## WORK TO COMPLETE
Up to and including the line with "#143=IFCLOCALPLACEMENT(#14,#2);", copy the records below exactly from their first line.

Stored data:
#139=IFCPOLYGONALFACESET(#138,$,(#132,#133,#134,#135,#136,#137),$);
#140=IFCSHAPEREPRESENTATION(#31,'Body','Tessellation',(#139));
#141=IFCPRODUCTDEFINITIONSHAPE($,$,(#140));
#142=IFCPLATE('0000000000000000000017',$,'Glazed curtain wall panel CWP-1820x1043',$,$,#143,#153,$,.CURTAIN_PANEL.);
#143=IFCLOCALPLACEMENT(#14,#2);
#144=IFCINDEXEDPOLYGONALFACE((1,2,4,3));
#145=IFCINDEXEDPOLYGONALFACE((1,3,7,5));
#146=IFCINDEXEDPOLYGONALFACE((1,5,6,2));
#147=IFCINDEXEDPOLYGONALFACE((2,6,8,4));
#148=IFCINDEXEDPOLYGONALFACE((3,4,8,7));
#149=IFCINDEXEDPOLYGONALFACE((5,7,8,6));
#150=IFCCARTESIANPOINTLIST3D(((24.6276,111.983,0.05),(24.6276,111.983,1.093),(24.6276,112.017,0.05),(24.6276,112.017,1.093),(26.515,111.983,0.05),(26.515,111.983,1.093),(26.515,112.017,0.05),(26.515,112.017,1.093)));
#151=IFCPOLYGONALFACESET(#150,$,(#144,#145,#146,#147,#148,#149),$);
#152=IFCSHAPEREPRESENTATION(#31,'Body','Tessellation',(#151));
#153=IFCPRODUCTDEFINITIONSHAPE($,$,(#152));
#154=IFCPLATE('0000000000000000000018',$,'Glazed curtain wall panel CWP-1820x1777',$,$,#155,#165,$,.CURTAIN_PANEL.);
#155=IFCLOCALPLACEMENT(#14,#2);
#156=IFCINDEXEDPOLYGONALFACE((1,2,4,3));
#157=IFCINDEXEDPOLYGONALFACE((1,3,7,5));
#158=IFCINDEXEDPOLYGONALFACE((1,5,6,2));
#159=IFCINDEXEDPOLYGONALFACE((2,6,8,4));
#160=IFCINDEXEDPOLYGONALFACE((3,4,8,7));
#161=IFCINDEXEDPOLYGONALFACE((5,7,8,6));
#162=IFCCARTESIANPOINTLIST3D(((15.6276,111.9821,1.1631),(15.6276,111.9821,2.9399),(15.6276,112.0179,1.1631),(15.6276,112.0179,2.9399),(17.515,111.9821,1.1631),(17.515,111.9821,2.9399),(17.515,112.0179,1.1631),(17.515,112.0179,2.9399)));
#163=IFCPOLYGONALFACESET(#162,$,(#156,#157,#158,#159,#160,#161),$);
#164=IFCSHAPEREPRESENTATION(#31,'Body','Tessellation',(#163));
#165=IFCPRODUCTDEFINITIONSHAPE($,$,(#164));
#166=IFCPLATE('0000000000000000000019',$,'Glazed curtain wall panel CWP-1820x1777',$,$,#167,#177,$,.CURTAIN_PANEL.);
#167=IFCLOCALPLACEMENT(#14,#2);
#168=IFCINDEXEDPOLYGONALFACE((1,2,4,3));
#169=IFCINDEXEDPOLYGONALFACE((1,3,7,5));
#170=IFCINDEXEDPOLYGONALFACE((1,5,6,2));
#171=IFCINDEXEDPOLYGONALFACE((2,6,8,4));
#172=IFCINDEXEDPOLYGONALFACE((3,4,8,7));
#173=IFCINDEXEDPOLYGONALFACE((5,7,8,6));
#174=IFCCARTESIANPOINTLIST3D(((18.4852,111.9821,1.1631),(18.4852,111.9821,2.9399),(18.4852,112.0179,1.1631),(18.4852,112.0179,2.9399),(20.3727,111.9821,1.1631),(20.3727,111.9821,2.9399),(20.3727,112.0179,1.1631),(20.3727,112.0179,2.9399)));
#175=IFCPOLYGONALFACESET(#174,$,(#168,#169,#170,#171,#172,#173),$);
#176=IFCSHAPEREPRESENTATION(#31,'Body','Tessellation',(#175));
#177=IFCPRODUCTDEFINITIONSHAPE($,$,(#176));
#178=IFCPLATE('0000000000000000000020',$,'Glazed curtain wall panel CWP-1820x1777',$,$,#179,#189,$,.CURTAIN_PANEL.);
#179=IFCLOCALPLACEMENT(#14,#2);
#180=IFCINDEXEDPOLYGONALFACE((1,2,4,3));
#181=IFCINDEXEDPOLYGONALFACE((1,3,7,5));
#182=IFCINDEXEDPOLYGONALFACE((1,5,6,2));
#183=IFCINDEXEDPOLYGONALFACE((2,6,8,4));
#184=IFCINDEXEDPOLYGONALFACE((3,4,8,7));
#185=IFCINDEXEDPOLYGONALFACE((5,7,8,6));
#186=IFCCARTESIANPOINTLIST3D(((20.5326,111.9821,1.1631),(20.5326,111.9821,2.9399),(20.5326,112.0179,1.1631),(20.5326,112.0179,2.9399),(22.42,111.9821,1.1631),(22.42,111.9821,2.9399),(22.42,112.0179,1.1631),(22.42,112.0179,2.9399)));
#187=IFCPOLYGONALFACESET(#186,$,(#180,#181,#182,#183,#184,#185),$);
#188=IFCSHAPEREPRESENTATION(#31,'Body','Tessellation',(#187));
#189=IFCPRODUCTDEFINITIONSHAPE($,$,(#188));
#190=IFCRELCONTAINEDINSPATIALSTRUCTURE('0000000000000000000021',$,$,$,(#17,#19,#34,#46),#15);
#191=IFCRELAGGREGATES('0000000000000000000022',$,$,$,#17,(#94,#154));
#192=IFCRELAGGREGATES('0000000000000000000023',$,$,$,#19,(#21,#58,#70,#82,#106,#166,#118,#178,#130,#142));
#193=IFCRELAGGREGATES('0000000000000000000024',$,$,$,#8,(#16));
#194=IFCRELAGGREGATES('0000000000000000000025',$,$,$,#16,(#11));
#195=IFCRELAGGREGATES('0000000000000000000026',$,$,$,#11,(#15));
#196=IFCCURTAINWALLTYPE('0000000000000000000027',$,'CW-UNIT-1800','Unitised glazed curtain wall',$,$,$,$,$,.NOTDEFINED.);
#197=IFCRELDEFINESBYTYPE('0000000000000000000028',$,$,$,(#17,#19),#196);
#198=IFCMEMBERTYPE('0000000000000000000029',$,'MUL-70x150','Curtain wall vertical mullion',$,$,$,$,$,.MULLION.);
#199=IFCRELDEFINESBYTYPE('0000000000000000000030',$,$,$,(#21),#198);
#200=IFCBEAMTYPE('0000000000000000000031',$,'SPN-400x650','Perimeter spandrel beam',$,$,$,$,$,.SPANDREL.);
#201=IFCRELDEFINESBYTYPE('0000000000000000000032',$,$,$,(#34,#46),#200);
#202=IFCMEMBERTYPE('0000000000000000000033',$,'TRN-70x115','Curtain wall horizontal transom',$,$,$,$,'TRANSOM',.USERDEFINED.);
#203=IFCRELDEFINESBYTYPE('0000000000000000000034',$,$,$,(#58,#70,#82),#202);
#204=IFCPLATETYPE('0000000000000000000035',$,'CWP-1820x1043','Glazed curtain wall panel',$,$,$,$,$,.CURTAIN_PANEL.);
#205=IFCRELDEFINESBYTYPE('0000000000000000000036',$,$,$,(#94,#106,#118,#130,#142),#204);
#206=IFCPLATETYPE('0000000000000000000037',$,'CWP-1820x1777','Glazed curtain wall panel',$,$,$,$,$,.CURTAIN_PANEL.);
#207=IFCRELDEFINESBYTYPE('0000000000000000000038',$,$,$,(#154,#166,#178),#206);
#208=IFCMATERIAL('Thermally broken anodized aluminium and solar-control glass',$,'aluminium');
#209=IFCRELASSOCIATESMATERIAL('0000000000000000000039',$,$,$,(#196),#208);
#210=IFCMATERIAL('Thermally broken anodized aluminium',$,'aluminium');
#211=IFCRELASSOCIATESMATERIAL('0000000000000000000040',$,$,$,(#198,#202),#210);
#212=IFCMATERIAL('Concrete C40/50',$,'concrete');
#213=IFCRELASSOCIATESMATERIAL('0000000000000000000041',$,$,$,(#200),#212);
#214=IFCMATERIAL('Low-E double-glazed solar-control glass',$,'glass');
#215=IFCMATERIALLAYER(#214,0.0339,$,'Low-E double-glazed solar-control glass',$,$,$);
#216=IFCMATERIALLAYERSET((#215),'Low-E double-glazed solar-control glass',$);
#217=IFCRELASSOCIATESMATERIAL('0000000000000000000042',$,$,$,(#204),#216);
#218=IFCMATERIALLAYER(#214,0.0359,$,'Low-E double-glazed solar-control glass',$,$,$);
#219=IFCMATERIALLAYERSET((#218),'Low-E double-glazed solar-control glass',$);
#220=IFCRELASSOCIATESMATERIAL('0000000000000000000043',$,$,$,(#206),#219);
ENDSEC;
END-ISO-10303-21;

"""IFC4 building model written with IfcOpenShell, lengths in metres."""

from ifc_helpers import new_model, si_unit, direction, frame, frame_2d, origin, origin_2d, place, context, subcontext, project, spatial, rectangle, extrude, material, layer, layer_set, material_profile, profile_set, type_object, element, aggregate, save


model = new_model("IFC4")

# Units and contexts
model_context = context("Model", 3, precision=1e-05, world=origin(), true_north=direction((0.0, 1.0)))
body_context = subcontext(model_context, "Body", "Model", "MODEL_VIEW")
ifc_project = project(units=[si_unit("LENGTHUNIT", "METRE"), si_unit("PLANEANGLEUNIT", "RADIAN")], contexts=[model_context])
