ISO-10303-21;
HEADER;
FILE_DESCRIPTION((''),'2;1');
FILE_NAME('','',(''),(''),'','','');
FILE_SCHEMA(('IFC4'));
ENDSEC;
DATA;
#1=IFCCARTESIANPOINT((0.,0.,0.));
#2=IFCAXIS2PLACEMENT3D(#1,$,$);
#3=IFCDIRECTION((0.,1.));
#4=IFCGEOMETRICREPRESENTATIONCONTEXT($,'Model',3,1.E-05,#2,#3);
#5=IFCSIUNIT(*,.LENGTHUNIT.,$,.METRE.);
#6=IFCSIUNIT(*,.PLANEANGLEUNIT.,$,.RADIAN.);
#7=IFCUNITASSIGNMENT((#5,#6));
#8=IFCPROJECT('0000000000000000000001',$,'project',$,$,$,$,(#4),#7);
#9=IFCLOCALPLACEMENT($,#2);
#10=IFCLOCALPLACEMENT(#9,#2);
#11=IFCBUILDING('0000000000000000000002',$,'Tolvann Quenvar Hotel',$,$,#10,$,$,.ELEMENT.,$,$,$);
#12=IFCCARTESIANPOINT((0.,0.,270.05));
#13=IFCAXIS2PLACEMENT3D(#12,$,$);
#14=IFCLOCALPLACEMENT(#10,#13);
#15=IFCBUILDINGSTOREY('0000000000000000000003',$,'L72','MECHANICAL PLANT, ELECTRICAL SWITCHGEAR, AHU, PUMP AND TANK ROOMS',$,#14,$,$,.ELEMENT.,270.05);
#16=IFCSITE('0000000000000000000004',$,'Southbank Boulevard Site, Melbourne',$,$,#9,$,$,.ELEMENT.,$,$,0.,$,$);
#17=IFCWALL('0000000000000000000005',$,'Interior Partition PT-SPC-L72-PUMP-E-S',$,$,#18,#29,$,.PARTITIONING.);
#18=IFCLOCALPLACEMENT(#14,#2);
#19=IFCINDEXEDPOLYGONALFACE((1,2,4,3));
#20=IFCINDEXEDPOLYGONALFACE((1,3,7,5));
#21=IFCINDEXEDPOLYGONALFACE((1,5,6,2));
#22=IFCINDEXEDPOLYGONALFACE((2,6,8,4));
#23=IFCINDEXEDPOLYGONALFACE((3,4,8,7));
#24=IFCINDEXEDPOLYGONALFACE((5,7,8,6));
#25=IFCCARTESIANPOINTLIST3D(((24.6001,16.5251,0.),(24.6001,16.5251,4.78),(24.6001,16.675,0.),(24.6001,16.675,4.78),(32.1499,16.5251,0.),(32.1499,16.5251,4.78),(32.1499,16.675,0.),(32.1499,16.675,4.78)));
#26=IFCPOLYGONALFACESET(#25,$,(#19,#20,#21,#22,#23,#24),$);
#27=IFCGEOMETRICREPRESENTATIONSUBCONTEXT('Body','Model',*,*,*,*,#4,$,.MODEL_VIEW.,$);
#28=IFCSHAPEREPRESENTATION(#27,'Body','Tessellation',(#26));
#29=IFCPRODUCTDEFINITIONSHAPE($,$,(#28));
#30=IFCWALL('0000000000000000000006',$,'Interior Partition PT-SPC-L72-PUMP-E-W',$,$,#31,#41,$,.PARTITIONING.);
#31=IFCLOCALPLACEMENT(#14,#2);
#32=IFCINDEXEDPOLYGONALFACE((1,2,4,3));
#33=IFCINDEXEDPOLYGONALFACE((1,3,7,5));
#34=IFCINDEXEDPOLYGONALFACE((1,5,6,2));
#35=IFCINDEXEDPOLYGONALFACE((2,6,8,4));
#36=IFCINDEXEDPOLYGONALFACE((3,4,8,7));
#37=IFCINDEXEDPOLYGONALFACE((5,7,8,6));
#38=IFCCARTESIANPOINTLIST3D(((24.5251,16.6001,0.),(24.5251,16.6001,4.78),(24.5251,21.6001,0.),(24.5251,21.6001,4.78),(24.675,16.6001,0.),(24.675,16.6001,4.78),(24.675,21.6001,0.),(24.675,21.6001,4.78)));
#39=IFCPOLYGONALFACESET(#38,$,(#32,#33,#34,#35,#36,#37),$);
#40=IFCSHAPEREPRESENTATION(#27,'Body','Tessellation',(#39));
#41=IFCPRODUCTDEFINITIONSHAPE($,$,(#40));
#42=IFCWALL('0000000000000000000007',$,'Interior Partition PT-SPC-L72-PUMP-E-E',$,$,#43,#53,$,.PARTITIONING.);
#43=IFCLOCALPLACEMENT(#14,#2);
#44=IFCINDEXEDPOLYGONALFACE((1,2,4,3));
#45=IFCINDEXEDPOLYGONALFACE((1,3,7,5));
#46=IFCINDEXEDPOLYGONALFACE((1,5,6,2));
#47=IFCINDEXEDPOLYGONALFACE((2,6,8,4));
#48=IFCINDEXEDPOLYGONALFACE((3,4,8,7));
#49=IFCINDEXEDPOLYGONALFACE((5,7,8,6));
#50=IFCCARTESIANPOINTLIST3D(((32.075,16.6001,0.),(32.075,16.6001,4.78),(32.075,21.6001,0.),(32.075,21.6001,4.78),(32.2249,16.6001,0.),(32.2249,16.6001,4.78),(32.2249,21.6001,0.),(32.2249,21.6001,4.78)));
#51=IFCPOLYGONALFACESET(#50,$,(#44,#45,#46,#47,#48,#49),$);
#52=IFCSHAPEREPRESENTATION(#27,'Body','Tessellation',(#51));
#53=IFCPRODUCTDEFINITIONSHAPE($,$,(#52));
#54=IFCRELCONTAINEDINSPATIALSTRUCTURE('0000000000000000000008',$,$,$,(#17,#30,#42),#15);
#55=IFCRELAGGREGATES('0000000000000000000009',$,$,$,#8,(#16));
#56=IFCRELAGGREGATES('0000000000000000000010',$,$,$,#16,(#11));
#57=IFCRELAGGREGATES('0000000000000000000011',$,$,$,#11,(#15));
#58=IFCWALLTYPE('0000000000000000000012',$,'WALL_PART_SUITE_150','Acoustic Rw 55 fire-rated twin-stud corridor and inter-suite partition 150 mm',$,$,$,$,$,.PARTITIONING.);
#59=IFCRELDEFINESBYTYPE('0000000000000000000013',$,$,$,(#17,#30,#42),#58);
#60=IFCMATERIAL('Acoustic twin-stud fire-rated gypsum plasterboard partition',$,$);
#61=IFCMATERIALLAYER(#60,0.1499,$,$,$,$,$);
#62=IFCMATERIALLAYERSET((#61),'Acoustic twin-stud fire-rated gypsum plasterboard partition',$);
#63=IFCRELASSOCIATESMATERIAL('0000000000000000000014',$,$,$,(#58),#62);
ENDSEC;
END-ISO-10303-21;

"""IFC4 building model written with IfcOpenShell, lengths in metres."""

from ifc_helpers import new_model, si_unit, direction, frame, frame_2d, origin, place, context, subcontext, project, spatial, rectangle, extrude, material, layer, layer_set, type_object, element, save


model = new_model("IFC4")

# Units and contexts
model_context = context("Model", 3, precision=1e-05, world=origin(), true_north=direction((0.0, 1.0)))
body_context = subcontext(model_context, "Body", "Model", "MODEL_VIEW")
ifc_project = project(units=[si_unit("LENGTHUNIT", "METRE"), si_unit("PLANEANGLEUNIT", "RADIAN")], contexts=[model_context])

# Site, building, storey
site_placement = place(None, origin())
site = spatial("IfcSite", under=ifc_project, at=site_placement, Name="Southbank Boulevard Site, Melbourne", CompositionType="ELEMENT", RefElevation=0.0)
building_placement = place(site_placement, origin())
building = spatial("IfcBuilding", under=site, at=building_placement, Name="Tolvann Quenvar Hotel", CompositionType="ELEMENT")
storey_placement = place(building_placement, frame((0.0, 0.0, 270.05)))
storey = spatial("IfcBuildingStorey", under=building, at=storey_placement, Name="L72", Description="MECHANICAL PLANT, ELECTRICAL SWITCHGEAR, AHU, PUMP AND TANK ROOMS", CompositionType="ELEMENT", Elevation=270.05)

# Shared definitions
ifc_material_1 = material(Name="Acoustic twin-stud fire-rated gypsum plasterboard partition")
ifc_layer_1 = layer(ifc_material_1, 0.1499)
ifc_layer_set_1 = layer_set([ifc_layer_1], Name="Acoustic twin-stud fire-rated gypsum plasterboard partition")
wall_type = type_object("IfcWallType", Name="WALL_PART_SUITE_150", Description="Acoustic Rw 55 fire-rated twin-stud corridor and inter-suite partition 150 mm", PredefinedType="PARTITIONING", material=ifc_layer_set_1)

# Walls
wall_1_placement = place(storey_placement, frame((24.6001, 16.6001, 0.0), z_axis=(0.0, 0.0, 1.0), x_axis=(1.0, 0.0, 0.0)))
element("IfcWall", 1, at=wall_1_placement, inside=storey, type_object=wall_type, Name="Interior Partition PT-SPC-L72-PUMP-E-S", PredefinedType="PARTITIONING", context=body_context, shape_type="SweptSolid", body=[
    extrude(rectangle(XDim=7.5498, YDim=0.1499, at=frame_2d((3.7749, 0.0))), origin(), (0.0, 0.0, 1.0), 4.78),
])
for number, where, z_axis, x_axis, name in (
    (2, (24.6001, 16.6001, 0.0), (0.0, 0.0, 1.0), (0.0, 1.0, 0.0), "Interior Partition PT-SPC-L72-PUMP-E-W"),
    (3, (32.1499, 16.6001, 0.0), (0.0, 0.0, 1.0), (0.0, 1.0, 0.0), "Interior Partition PT-SPC-L72-PUMP-E-E"),
):
    element("IfcWall", number, at=place(storey_placement, frame(where, z_axis=z_axis, x_axis=x_axis)), inside=storey, type_object=wall_type, Name=name, PredefinedType="PARTITIONING", context=body_context, shape_type="SweptSolid", body=[
        extrude(rectangle(XDim=5.0, YDim=0.1499, at=frame_2d((2.5, 0.0))), origin(), (0.0, 0.0, 1.0), 4.78),
    ])

save(model, "model.ifc")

## SOLUTION FOR THIS TASK
#139=IFCPOLYGONALFACESET(#138,$,(#132,#133,#134,#135,#136,#137),$);
#140=IFCSHAPEREPRESENTATION(#31,'Body','Tessellation',(#139));
#141=IFCPRODUCTDEFINITIONSHAPE($,$,(#140));
#142=IFCPLATE('0000000000000000000017',$,'Glazed curtain wall panel CWP-1820x1043',$,$,#143,#153,$,.CURTAIN_PANEL.);
#143=IFCLOCALPLACEMENT(#14,#2);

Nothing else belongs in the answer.